# What you have to do
Within the listing below, the lines to output run from the one containing "#3=IFCDIRECTION((0.,1.));" through the one containing "#29=IFCPRODUCTDEFINITIONSHAPE($,$,(#28));"; copy them exactly and nothing else.

# Input data
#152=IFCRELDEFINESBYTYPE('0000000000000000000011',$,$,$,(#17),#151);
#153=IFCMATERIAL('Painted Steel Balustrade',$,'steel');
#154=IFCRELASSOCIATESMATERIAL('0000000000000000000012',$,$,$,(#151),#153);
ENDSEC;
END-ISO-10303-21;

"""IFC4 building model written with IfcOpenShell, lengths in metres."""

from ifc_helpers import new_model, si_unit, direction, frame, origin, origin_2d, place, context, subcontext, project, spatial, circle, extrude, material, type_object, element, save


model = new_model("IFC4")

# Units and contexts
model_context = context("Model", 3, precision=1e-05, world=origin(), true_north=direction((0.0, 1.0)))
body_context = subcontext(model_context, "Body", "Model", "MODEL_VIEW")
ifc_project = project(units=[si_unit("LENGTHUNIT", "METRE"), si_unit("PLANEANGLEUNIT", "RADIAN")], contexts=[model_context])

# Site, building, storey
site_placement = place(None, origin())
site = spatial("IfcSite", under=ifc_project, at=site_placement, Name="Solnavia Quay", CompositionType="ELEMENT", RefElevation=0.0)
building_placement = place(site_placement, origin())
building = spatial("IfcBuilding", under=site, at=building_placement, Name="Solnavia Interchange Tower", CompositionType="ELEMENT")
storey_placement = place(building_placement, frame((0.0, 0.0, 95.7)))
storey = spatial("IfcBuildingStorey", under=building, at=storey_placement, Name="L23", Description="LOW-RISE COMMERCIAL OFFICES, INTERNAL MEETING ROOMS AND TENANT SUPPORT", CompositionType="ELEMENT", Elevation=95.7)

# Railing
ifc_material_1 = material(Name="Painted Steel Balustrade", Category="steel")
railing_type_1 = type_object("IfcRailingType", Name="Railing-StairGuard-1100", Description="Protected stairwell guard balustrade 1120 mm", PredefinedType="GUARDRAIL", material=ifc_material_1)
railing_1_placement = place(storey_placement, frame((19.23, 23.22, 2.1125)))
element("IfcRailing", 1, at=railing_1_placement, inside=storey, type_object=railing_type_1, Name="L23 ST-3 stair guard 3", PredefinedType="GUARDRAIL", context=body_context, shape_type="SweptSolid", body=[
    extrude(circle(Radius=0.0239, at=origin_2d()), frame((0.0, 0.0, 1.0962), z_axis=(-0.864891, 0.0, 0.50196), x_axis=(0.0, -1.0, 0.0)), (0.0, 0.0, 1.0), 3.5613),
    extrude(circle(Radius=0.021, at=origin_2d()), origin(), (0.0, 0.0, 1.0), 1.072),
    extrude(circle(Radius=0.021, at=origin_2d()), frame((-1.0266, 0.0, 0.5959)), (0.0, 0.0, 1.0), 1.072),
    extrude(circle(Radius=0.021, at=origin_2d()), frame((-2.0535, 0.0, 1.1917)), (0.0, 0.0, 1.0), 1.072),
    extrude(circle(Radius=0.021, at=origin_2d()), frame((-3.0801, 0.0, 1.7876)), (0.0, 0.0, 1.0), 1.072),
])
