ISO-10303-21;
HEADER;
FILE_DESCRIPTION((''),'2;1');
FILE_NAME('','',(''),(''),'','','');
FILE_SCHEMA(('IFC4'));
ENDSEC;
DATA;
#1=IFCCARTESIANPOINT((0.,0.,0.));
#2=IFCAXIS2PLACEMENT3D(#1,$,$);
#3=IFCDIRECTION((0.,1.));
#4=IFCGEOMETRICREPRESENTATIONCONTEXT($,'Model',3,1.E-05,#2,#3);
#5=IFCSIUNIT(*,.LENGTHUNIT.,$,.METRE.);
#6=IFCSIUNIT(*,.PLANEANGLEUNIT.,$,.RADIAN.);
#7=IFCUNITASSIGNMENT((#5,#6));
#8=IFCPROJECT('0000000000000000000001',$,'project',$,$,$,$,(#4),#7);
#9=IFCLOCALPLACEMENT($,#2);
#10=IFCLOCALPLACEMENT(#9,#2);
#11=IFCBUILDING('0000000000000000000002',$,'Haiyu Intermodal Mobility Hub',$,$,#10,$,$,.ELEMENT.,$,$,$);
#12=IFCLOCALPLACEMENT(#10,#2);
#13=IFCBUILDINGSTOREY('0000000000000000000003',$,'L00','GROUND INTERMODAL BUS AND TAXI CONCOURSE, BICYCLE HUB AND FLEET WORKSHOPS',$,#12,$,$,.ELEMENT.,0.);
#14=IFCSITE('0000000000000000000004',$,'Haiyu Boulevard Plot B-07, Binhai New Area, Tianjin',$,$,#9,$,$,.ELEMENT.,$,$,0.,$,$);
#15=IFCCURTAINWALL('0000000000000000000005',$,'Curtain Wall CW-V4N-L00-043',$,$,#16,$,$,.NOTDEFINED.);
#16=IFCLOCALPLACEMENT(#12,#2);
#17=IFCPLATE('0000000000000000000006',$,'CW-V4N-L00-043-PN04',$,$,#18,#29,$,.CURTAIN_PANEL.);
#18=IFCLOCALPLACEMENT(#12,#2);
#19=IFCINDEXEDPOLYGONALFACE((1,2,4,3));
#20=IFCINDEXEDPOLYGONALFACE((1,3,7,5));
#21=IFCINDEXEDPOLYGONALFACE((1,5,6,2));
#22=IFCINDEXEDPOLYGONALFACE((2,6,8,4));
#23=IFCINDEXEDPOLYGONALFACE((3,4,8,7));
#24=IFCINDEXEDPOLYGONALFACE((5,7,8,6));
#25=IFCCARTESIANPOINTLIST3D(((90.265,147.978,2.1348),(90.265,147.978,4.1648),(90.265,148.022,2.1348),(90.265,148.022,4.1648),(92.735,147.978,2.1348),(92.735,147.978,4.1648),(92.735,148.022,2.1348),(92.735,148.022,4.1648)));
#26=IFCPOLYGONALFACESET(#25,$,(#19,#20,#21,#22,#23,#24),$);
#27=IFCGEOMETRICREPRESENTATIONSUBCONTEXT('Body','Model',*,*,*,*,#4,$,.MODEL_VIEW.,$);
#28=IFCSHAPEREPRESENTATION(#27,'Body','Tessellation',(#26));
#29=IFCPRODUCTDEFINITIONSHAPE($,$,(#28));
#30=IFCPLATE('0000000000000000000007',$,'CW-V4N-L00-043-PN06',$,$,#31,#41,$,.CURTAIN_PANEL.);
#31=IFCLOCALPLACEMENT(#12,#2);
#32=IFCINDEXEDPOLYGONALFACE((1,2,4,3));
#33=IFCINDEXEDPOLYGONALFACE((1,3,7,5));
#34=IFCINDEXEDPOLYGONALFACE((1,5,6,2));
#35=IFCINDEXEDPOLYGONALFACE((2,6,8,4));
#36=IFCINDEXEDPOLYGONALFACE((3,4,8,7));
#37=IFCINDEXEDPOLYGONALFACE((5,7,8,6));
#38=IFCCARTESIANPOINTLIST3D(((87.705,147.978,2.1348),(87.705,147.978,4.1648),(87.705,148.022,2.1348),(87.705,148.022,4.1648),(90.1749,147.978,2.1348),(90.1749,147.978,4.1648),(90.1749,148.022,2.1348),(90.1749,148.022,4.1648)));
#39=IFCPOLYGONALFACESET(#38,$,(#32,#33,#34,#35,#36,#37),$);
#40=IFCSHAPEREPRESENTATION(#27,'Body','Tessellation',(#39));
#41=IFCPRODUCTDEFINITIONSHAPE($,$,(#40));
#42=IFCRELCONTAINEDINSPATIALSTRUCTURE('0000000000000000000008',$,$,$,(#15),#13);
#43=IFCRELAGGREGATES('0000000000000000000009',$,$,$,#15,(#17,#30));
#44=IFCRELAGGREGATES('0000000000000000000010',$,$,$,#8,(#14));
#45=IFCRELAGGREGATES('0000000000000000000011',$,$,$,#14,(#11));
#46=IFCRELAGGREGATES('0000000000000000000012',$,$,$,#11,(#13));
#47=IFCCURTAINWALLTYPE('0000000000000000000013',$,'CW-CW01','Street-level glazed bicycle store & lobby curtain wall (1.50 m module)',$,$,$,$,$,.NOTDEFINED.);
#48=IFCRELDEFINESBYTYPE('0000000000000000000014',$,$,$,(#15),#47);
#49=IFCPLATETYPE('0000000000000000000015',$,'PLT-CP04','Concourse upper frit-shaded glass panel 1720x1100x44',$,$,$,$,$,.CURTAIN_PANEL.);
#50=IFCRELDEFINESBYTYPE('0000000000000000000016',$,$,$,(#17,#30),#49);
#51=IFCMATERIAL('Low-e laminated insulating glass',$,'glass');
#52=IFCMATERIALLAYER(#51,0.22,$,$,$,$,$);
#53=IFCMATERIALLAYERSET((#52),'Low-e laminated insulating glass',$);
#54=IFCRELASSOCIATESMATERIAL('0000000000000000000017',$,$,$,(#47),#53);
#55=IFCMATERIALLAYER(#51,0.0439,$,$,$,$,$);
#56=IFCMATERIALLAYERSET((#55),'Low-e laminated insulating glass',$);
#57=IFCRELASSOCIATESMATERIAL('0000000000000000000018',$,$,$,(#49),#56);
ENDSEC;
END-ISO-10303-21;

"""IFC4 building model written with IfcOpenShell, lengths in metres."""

from ifc_helpers import new_model, si_unit, direction, frame, origin, origin_2d, place, context, subcontext, project, spatial, rectangle, extrude, material, layer, layer_set, type_object, element, aggregate, save


model = new_model("IFC4")

# Units and contexts
model_context = context("Model", 3, precision=1e-05, world=origin(), true_north=direction((0.0, 1.0)))
body_context = subcontext(model_context, "Body", "Model", "MODEL_VIEW")
ifc_project = project(units=[si_unit("LENGTHUNIT", "METRE"), si_unit("PLANEANGLEUNIT", "RADIAN")], contexts=[model_context])

# Site, building, storey
site_placement = place(None, origin())
site = spatial("IfcSite", under=ifc_project, at=site_placement, Name="Haiyu Boulevard Plot B-07, Binhai New Area, Tianjin", CompositionType="ELEMENT", RefElevation=0.0)
building_placement = place(site_placement, origin())
building = spatial("IfcBuilding", under=site, at=building_placement, Name="Haiyu Intermodal Mobility Hub", CompositionType="ELEMENT")
storey_placement = place(building_placement, origin())
storey = spatial("IfcBuildingStorey", under=building, at=storey_placement, Name="L00", Description="GROUND INTERMODAL BUS AND TAXI CONCOURSE, BICYCLE HUB AND FLEET WORKSHOPS", CompositionType="ELEMENT", Elevation=0.0)

# Curtain wall
ifc_material_1 = material(Name="Low-e laminated insulating glass", Category="glass")
ifc_layer_1 = layer(ifc_material_1, 0.22)
ifc_layer_set_1 = layer_set([ifc_layer_1], Name="Low-e laminated insulating glass")
curtain_wall_type = type_object("IfcCurtainWallType", Name="CW-CW01", Description="Street-level glazed bicycle store & lobby curtain wall (1.50 m module)", PredefinedType="NOTDEFINED", material=ifc_layer_set_1)
curtain_wall_1_placement = place(storey_placement, origin())
curtain_wall_1 = element("IfcCurtainWall", 1, at=curtain_wall_1_placement, inside=storey, type_object=curtain_wall_type, Name="Curtain Wall CW-V4N-L00-043", PredefinedType="NOTDEFINED")

# Plates
ifc_layer_2 = layer(ifc_material_1, 0.0439)
ifc_layer_set_2 = layer_set([ifc_layer_2], Name="Low-e laminated insulating glass")
plate_type_1 = type_object("IfcPlateType", Name="PLT-CP04", Description="Concourse upper frit-shaded glass panel 1720x1100x44", PredefinedType="CURTAIN_PANEL", material=ifc_layer_set_2)
plate_1_placement = place(storey_placement, frame((91.5, 148.0, 2.1348), z_axis=(0.0, 0.0, 1.0), x_axis=(-1.0, 0.0, 0.0)))
plate_1 = element("IfcPlate", 2, at=plate_1_placement, type_object=plate_type_1, Name="CW-V4N-L00-043-PN04", PredefinedType="CURTAIN_PANEL", context=body_context, shape_type="SweptSolid", body=[
    extrude(rectangle(XDim=2.47, YDim=0.0439, at=origin_2d()), origin(), (0.0, 0.0, 1.0), 2.03),
])
plate_2_placement = place(storey_placement, frame((88.9399, 148.0, 2.1348), z_axis=(0.0, 0.0, 1.0), x_axis=(-1.0, 0.0, 0.0)))
plate_2 = element("IfcPlate", 3, at=plate_2_placement, type_object=plate_type_1, Name="CW-V4N-L00-043-PN06", PredefinedType="CURTAIN_PANEL", context=body_context, shape_type="SweptSolid", body=[
    extrude(rectangle(XDim=2.47, YDim=0.0439, at=origin_2d()), origin(), (0.0, 0.0, 1.0), 2.03),
])
aggregate(curtain_wall_1, [plate_1, plate_2])

save(model, "model.ifc")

# Answer
#3=IFCDIRECTION((0.,1.));
#4=IFCGEOMETRICREPRESENTATIONCONTEXT($,'Model',3,1.E-05,#2,#3);
#5=IFCSIUNIT(*,.LENGTHUNIT.,$,.METRE.);
#6=IFCSIUNIT(*,.PLANEANGLEUNIT.,$,.RADIAN.);
#7=IFCUNITASSIGNMENT((#5,#6));
#8=IFCPROJECT('0000000000000000000001',$,'project',$,$,$,$,(#4),#7);
#9=IFCLOCALPLACEMENT($,#2);
#10=IFCLOCALPLACEMENT(#9,#2);
#11=IFCBUILDING('0000000000000000000002',$,'Haiyu Intermodal Mobility Hub',$,$,#10,$,$,.ELEMENT.,$,$,$);
#12=IFCLOCALPLACEMENT(#10,#2);
#13=IFCBUILDINGSTOREY('0000000000000000000003',$,'L00','GROUND INTERMODAL BUS AND TAXI CONCOURSE, BICYCLE HUB AND FLEET WORKSHOPS',$,#12,$,$,.ELEMENT.,0.);
#14=IFCSITE('0000000000000000000004',$,'Haiyu Boulevard Plot B-07, Binhai New Area, Tianjin',$,$,#9,$,$,.ELEMENT.,$,$,0.,$,$);
#15=IFCCURTAINWALL('0000000000000000000005',$,'Curtain Wall CW-V4N-L00-043',$,$,#16,$,$,.NOTDEFINED.);
#16=IFCLOCALPLACEMENT(#12,#2);
#17=IFCPLATE('0000000000000000000006',$,'CW-V4N-L00-043-PN04',$,$,#18,#29,$,.CURTAIN_PANEL.);
#18=IFCLOCALPLACEMENT(#12,#2);
#19=IFCINDEXEDPOLYGONALFACE((1,2,4,3));
#20=IFCINDEXEDPOLYGONALFACE((1,3,7,5));
#21=IFCINDEXEDPOLYGONALFACE((1,5,6,2));
#22=IFCINDEXEDPOLYGONALFACE((2,6,8,4));
#23=IFCINDEXEDPOLYGONALFACE((3,4,8,7));
#24=IFCINDEXEDPOLYGONALFACE((5,7,8,6));
#25=IFCCARTESIANPOINTLIST3D(((90.265,147.978,2.1348),(90.265,147.978,4.1648),(90.265,148.022,2.1348),(90.265,148.022,4.1648),(92.735,147.978,2.1348),(92.735,147.978,4.1648),(92.735,148.022,2.1348),(92.735,148.022,4.1648)));
#26=IFCPOLYGONALFACESET(#25,$,(#19,#20,#21,#22,#23,#24),$);
#27=IFCGEOMETRICREPRESENTATIONSUBCONTEXT('Body','Model',*,*,*,*,#4,$,.MODEL_VIEW.,$);
#28=IFCSHAPEREPRESENTATION(#27,'Body','Tessellation',(#26));
#29=IFCPRODUCTDEFINITIONSHAPE($,$,(#28));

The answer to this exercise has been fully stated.